Collected data entries:

···

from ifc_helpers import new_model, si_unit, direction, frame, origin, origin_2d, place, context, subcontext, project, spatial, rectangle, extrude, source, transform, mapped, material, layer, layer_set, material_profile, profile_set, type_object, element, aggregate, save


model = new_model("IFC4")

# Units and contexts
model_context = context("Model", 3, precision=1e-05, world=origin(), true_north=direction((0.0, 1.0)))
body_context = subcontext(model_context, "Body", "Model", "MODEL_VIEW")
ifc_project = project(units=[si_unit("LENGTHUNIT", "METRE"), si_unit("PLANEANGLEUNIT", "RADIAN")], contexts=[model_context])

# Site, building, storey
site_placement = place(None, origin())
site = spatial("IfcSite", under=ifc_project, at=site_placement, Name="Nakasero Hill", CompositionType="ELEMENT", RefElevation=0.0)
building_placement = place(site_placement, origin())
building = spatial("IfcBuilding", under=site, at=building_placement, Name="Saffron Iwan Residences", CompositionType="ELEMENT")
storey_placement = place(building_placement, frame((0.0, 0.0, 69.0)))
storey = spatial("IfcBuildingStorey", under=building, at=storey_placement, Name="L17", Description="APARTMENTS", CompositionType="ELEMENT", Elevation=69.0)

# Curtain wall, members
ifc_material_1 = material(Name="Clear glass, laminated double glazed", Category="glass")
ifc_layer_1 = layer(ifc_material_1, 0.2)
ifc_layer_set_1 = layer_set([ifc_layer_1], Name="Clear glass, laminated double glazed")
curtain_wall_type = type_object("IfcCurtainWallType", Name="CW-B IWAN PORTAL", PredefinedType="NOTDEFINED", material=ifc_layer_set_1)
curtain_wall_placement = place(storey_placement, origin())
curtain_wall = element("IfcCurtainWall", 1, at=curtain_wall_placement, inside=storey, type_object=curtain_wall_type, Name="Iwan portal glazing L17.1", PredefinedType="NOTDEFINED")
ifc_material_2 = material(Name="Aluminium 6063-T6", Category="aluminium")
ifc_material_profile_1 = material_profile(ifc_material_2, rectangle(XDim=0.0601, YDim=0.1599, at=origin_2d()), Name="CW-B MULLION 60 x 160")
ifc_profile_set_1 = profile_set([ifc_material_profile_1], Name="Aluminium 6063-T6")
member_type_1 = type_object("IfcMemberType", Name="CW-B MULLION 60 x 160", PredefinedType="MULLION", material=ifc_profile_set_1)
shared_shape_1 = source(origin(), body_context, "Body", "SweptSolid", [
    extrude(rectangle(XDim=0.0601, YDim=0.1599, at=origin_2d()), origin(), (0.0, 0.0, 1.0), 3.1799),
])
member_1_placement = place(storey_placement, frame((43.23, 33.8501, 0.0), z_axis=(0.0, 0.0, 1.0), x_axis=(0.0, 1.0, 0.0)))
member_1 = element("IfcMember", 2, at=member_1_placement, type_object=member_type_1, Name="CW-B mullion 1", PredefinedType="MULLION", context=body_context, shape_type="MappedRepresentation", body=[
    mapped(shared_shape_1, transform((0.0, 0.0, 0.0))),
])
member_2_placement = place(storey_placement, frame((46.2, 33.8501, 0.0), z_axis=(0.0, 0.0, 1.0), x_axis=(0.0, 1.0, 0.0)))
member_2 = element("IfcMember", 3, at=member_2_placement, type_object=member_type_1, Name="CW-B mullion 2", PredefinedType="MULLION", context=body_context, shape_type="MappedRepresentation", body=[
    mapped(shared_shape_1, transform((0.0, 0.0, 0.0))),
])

···

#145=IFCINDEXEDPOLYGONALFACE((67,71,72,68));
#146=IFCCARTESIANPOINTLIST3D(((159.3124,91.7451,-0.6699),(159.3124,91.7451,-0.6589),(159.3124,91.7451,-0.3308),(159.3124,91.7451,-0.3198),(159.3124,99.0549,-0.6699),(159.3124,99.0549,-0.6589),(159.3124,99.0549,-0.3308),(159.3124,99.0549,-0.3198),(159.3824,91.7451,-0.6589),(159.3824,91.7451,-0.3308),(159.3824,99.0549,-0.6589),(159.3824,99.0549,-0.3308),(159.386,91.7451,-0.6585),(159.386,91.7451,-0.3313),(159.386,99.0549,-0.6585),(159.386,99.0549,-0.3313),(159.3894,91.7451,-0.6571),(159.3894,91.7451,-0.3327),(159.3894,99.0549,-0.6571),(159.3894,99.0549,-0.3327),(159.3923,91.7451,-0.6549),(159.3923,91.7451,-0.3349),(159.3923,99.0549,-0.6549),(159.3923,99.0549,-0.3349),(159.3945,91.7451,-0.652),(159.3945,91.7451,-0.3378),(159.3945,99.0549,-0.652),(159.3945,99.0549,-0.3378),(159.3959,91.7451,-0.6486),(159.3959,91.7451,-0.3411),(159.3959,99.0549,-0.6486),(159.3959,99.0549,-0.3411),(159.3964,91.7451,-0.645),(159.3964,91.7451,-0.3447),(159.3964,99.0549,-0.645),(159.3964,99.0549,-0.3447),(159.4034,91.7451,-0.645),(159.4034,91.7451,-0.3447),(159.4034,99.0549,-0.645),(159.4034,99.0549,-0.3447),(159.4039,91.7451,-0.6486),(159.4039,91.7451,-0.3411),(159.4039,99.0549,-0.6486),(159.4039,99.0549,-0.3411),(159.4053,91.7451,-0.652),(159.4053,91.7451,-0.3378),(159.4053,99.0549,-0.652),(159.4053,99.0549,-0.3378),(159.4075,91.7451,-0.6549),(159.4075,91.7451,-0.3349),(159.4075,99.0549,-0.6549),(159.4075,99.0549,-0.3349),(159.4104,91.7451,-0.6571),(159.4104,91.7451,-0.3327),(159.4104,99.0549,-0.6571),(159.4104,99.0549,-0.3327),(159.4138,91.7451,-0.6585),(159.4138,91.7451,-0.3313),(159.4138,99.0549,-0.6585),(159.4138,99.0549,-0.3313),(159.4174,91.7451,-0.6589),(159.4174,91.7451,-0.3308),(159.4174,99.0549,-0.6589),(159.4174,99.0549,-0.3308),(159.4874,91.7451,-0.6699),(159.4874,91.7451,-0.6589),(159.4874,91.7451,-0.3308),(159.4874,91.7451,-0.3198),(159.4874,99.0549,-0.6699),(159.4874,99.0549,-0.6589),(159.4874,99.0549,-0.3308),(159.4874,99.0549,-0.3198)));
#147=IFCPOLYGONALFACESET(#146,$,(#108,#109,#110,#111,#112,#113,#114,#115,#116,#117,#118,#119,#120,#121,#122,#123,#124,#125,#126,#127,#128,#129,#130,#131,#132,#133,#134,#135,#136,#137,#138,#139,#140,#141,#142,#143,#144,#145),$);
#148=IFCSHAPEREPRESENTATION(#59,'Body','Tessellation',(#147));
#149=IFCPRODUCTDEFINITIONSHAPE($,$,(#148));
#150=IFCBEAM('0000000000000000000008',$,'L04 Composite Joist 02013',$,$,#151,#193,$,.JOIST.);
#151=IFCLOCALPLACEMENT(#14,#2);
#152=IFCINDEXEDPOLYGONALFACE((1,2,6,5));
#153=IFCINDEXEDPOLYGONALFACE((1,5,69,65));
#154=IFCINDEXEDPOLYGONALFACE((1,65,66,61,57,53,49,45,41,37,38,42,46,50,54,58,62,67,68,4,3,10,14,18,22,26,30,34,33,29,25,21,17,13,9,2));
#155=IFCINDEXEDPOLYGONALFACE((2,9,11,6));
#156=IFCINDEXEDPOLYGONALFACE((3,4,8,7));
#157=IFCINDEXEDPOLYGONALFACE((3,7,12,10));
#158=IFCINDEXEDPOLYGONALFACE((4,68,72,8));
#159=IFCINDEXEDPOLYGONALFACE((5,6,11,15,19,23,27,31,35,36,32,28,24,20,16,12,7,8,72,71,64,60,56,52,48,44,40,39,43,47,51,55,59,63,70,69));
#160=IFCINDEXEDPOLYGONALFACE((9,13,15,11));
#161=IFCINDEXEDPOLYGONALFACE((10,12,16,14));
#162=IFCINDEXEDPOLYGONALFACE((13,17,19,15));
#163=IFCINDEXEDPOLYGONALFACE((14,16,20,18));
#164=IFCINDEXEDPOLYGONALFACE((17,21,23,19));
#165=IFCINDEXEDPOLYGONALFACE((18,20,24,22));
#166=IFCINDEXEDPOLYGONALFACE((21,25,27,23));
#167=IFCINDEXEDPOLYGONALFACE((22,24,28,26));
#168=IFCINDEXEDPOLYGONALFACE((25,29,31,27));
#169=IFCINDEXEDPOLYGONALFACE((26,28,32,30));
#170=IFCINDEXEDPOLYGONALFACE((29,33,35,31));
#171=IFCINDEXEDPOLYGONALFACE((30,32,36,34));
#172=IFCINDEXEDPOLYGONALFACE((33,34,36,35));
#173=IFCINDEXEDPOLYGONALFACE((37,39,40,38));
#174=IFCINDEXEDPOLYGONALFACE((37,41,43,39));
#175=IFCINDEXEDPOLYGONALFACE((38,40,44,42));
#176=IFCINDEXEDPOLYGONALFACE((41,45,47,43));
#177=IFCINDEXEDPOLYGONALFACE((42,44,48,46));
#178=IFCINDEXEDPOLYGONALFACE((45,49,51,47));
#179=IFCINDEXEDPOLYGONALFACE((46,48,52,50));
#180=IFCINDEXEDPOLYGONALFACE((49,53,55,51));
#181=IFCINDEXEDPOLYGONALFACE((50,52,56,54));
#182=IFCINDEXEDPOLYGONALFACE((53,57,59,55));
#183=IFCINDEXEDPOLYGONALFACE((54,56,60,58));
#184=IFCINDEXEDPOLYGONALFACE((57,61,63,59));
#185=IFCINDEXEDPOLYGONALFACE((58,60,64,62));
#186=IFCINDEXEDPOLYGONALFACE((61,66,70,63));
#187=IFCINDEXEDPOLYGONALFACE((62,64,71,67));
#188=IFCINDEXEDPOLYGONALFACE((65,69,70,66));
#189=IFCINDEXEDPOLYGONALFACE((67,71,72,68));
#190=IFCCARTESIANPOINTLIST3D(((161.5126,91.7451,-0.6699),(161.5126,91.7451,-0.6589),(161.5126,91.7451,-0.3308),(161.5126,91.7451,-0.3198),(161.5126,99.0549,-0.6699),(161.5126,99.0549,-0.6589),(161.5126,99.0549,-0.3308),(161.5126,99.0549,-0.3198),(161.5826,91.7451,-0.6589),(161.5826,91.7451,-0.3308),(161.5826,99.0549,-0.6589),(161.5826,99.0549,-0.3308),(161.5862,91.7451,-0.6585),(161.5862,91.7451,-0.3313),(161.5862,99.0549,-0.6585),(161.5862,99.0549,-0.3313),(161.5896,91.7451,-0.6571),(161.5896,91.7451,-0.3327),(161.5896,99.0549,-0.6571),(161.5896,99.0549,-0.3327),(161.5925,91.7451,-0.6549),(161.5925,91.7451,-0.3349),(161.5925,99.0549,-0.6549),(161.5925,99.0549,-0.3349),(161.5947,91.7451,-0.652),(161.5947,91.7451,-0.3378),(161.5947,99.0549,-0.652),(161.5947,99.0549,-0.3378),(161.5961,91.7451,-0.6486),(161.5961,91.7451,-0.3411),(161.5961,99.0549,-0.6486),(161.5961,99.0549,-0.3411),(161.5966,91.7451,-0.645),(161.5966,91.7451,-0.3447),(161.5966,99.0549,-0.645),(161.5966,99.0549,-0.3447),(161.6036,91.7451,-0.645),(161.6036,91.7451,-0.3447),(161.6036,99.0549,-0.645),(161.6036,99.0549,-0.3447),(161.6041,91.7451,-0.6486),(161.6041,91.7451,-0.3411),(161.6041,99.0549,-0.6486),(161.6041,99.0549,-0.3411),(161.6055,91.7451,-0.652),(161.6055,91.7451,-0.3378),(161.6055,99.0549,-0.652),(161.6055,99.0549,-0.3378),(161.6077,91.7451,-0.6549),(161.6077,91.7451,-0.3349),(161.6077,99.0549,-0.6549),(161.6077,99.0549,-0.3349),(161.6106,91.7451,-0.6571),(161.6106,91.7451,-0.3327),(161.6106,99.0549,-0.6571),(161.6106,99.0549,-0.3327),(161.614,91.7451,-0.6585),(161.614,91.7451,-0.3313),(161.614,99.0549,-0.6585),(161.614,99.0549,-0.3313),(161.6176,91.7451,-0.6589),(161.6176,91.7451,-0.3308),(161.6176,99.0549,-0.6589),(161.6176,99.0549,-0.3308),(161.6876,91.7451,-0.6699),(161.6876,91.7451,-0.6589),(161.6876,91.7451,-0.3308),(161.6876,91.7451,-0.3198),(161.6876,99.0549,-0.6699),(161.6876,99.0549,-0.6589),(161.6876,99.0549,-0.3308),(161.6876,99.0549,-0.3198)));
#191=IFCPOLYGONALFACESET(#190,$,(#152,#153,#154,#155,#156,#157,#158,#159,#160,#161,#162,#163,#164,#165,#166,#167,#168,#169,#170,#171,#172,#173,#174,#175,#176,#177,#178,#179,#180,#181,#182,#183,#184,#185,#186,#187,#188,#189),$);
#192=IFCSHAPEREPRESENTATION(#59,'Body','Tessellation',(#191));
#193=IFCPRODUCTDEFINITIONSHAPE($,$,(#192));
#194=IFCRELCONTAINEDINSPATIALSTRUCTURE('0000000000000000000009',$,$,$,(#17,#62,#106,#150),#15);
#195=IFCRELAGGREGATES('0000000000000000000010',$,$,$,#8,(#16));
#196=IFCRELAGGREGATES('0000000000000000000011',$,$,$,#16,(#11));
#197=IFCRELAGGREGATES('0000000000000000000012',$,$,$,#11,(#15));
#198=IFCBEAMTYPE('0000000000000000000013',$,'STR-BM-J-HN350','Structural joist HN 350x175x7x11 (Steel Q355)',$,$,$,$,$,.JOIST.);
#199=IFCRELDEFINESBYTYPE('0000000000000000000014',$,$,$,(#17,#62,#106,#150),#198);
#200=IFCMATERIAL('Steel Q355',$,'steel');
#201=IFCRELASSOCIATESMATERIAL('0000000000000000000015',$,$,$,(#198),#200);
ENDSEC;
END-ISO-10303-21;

···

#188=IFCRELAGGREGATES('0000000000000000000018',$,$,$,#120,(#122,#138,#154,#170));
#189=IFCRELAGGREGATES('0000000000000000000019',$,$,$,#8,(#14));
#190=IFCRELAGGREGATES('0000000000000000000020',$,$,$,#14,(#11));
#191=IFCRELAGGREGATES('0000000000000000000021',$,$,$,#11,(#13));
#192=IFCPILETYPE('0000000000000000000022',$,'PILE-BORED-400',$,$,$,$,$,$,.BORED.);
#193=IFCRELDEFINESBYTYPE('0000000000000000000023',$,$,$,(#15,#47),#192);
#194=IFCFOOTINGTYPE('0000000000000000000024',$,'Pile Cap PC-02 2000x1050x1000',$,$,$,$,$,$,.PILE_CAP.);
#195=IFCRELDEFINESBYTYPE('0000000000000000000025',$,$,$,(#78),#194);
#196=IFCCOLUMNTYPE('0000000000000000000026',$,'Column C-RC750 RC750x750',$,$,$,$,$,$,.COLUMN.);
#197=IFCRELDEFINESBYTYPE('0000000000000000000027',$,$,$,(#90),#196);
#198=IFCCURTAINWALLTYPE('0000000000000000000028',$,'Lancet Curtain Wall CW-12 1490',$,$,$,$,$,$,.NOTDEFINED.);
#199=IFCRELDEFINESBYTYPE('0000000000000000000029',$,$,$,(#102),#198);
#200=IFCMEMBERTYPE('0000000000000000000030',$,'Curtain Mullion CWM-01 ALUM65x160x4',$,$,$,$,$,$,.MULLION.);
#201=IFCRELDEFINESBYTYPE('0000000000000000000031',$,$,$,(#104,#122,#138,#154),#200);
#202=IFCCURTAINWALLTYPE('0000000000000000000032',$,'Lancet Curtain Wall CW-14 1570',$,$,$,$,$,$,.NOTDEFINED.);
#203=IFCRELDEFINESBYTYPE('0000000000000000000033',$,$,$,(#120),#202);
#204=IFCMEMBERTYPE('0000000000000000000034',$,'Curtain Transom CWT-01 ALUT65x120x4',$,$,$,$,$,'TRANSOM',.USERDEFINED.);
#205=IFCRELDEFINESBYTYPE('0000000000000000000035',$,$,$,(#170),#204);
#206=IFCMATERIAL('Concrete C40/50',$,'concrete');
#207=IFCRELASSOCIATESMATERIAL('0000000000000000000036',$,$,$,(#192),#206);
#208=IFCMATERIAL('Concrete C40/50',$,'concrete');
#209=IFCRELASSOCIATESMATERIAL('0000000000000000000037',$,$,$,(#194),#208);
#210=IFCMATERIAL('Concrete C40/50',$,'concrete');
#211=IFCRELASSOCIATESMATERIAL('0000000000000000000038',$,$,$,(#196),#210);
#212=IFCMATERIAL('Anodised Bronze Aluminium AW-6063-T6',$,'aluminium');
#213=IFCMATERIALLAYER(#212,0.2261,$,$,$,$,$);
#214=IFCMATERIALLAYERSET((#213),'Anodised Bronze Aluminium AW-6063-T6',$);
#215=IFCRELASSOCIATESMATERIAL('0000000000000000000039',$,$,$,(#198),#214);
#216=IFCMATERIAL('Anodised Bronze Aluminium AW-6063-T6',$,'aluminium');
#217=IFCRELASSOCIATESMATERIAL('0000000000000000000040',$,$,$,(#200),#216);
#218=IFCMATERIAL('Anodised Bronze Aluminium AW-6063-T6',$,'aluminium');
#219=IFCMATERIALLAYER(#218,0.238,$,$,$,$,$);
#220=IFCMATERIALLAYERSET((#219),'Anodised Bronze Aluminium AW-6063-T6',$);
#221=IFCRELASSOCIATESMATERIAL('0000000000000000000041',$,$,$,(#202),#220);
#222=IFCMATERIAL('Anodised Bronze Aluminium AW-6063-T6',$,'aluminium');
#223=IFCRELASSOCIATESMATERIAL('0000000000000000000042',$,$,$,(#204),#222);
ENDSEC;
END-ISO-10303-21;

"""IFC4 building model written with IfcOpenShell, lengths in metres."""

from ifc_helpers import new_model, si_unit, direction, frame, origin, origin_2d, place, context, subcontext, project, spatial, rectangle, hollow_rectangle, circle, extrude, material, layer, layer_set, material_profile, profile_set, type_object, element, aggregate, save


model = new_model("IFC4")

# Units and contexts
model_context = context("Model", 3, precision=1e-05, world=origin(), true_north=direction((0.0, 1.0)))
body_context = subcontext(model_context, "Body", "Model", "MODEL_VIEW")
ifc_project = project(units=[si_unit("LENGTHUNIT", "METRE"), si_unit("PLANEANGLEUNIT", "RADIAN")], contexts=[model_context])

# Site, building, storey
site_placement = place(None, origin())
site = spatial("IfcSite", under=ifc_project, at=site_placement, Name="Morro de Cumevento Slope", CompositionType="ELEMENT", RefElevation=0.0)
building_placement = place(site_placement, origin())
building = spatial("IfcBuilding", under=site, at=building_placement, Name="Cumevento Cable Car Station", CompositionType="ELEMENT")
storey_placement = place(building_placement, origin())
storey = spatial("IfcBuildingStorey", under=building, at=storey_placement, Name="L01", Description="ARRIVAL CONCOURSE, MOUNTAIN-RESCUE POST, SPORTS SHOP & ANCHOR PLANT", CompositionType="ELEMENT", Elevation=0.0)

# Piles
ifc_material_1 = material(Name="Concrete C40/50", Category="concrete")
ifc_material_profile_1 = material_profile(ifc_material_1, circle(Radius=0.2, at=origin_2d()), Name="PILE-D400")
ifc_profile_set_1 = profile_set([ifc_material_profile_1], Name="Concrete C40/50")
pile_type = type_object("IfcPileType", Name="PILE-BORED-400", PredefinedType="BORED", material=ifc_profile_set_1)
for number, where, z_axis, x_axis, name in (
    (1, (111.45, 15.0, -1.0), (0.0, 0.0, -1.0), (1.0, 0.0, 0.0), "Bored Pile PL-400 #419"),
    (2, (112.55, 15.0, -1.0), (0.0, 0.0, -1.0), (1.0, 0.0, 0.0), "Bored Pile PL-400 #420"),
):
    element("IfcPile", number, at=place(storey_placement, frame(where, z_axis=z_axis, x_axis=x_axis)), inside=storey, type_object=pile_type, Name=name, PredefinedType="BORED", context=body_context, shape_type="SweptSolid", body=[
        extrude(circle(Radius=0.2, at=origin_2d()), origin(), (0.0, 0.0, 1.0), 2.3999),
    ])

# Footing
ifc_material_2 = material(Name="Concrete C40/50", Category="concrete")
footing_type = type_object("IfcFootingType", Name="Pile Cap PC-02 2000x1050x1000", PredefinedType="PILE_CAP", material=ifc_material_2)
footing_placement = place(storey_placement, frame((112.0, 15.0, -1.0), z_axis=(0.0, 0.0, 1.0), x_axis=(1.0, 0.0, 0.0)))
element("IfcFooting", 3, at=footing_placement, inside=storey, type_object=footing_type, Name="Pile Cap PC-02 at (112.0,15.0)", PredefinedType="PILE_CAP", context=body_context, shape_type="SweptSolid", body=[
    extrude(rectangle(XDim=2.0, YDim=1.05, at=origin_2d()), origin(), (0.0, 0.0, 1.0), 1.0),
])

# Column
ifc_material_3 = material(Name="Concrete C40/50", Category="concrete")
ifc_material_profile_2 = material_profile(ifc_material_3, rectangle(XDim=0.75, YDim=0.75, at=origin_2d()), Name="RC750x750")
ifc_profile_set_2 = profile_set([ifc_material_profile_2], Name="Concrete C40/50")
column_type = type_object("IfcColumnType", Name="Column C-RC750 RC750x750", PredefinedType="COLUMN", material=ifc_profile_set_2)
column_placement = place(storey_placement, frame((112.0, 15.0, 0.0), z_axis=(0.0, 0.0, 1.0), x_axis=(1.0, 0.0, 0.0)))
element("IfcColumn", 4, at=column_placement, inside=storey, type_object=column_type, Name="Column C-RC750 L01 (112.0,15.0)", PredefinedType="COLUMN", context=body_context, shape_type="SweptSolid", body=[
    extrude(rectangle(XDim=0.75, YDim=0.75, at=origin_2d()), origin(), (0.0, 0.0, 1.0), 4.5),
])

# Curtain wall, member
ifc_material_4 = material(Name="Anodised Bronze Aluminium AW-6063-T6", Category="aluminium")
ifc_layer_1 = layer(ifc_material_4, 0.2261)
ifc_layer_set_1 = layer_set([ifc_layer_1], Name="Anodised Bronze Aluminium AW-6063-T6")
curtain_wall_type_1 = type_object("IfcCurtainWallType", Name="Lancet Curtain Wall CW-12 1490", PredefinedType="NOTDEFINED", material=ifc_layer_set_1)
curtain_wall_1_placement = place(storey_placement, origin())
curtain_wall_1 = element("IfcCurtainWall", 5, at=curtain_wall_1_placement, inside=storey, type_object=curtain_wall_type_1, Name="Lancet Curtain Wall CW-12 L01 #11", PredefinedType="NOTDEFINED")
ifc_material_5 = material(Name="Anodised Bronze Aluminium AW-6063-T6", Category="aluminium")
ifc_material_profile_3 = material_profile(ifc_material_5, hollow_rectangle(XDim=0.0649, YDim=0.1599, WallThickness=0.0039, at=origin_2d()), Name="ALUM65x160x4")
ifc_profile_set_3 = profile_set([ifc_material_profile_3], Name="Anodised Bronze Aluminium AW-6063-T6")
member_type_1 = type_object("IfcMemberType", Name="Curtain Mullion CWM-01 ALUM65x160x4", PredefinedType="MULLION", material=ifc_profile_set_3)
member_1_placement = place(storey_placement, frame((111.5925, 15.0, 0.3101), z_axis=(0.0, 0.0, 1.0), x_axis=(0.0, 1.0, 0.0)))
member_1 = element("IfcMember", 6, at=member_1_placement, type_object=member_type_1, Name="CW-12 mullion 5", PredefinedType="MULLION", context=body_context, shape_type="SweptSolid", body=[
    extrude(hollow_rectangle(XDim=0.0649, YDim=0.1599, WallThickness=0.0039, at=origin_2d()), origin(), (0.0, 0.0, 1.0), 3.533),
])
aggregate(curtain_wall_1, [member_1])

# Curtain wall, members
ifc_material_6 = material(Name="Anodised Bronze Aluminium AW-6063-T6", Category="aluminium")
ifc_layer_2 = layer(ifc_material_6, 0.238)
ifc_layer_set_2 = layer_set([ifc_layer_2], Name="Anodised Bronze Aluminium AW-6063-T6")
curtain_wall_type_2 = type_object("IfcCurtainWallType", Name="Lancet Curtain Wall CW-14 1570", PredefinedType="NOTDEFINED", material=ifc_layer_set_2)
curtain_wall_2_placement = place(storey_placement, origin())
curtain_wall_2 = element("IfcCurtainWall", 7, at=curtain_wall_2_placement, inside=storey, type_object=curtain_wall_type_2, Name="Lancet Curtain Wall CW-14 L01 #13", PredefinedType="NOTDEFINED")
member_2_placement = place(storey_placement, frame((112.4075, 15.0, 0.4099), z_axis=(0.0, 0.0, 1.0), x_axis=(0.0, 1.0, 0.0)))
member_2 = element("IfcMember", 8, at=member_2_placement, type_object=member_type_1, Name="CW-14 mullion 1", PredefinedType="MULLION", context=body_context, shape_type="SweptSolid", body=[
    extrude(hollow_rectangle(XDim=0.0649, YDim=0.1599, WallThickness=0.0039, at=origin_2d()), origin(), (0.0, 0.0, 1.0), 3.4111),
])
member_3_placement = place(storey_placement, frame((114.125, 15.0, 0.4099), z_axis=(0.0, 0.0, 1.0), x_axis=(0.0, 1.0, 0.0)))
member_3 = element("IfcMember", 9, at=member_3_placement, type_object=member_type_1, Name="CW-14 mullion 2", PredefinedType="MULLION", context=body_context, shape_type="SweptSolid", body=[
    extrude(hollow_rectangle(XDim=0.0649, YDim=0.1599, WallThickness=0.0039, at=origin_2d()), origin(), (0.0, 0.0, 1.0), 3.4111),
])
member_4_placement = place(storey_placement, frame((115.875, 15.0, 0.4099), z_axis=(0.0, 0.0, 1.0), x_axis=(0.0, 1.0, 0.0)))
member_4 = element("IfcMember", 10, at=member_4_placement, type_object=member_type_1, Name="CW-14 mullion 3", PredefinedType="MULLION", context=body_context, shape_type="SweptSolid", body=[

···

### [Exercise prompt]
Lines containing the string "IFCSHAPEREPRESENTATION" in the entries above should be counted. State that number alone.

### [Answer for this exercise]
2